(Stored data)
↓
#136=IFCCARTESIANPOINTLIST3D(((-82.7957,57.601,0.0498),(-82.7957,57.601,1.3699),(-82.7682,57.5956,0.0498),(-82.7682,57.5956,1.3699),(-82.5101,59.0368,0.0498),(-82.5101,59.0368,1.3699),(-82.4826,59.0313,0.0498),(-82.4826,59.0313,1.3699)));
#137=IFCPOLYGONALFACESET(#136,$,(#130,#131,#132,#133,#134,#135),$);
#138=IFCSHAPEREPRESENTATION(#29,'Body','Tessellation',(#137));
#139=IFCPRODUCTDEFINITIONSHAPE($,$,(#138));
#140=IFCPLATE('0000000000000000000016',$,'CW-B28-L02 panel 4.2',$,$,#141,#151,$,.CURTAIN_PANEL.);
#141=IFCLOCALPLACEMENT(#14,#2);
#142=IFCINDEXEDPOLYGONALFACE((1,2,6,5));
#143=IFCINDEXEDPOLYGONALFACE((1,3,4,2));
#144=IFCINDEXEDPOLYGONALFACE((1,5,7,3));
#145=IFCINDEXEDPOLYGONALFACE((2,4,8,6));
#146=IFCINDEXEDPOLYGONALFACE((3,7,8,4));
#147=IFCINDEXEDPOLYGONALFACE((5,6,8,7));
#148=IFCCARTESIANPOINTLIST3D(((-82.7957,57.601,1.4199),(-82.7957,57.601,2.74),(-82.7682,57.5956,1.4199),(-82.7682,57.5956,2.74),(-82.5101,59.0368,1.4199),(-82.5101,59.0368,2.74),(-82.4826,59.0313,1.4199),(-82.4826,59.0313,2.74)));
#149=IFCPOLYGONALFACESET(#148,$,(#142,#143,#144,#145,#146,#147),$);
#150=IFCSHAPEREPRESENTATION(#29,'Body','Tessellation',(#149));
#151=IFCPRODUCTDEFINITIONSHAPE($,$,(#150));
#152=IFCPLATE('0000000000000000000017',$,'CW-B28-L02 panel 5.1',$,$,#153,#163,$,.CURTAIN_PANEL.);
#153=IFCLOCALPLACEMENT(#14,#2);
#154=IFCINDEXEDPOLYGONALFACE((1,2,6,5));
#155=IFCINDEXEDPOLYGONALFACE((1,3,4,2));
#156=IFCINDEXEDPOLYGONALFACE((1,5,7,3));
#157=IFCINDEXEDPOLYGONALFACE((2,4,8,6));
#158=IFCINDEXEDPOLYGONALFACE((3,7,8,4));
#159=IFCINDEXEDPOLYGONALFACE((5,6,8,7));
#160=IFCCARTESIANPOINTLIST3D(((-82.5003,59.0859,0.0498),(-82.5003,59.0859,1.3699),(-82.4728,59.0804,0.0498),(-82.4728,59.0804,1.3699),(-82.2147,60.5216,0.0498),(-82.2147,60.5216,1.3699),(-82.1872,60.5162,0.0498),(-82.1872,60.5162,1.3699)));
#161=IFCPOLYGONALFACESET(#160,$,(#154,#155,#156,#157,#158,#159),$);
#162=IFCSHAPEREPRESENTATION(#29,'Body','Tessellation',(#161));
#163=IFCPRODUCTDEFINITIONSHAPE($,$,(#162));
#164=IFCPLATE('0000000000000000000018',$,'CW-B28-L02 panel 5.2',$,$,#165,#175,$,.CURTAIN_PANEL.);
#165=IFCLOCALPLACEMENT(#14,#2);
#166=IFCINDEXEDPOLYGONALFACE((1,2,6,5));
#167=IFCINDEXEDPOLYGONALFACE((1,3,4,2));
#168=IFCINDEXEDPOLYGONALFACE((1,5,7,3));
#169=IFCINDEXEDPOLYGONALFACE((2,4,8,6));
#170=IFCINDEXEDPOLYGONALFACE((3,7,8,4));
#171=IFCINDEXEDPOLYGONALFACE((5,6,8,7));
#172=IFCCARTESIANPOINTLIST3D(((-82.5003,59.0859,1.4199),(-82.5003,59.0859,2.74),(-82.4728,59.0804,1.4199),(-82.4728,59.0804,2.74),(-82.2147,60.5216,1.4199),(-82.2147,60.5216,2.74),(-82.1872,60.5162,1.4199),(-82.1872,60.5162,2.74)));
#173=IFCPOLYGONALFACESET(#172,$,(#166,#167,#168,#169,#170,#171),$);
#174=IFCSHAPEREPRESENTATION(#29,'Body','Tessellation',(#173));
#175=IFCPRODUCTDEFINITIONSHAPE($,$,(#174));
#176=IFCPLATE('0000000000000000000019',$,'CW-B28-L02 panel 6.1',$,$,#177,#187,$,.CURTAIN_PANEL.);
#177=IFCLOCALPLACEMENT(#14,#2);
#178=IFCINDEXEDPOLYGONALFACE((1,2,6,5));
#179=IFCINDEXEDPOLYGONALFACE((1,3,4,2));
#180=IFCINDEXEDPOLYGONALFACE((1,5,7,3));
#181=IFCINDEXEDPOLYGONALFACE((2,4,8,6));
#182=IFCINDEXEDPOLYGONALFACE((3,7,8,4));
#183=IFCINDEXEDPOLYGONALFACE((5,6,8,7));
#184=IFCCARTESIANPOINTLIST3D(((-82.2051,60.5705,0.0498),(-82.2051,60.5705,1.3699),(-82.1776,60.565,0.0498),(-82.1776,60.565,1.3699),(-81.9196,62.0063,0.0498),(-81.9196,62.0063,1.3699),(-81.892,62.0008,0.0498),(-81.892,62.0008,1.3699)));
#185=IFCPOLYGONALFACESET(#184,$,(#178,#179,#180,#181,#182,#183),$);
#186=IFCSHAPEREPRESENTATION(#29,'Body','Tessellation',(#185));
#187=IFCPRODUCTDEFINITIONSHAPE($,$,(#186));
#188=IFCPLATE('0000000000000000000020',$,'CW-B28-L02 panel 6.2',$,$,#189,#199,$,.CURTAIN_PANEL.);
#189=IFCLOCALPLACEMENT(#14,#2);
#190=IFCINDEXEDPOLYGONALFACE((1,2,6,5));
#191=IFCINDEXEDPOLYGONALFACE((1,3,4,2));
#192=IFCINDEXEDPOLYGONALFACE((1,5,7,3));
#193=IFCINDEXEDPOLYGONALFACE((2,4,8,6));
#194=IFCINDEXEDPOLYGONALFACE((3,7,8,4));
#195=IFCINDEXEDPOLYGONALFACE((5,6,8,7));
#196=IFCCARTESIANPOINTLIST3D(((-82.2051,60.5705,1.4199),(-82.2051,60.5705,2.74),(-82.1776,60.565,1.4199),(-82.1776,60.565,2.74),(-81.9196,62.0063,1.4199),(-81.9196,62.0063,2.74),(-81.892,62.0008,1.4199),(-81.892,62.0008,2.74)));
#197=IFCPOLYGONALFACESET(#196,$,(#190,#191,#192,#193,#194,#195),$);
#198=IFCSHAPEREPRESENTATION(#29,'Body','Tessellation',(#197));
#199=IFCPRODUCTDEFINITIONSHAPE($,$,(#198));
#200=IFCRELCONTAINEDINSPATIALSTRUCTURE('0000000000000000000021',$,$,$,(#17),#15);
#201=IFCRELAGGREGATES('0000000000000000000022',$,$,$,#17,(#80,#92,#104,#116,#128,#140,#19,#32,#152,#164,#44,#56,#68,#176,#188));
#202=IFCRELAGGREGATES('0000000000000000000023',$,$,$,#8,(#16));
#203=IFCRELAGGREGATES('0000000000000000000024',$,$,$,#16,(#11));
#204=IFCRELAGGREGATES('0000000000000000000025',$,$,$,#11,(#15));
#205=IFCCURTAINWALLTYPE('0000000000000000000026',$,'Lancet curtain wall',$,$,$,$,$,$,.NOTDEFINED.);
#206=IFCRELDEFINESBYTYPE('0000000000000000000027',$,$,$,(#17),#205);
↑
§ Task requirements: All lines above from the line with "#192=IFCINDEXEDPOLYGONALFACE((1,5,7,3));" through the line with "#199=IFCPRODUCTDEFINITIONSHAPE($,$,(#198));", both included, are to be set down exactly, with nothing else.

§ Solution to the exercise:
#192=IFCINDEXEDPOLYGONALFACE((1,5,7,3));
#193=IFCINDEXEDPOLYGONALFACE((2,4,8,6));
#194=IFCINDEXEDPOLYGONALFACE((3,7,8,4));
#195=IFCINDEXEDPOLYGONALFACE((5,6,8,7));
#196=IFCCARTESIANPOINTLIST3D(((-82.2051,60.5705,1.4199),(-82.2051,60.5705,2.74),(-82.1776,60.565,1.4199),(-82.1776,60.565,2.74),(-81.9196,62.0063,1.4199),(-81.9196,62.0063,2.74),(-81.892,62.0008,1.4199),(-81.892,62.0008,2.74)));
#197=IFCPOLYGONALFACESET(#196,$,(#190,#191,#192,#193,#194,#195),$);
#198=IFCSHAPEREPRESENTATION(#29,'Body','Tessellation',(#197));
#199=IFCPRODUCTDEFINITIONSHAPE($,$,(#198));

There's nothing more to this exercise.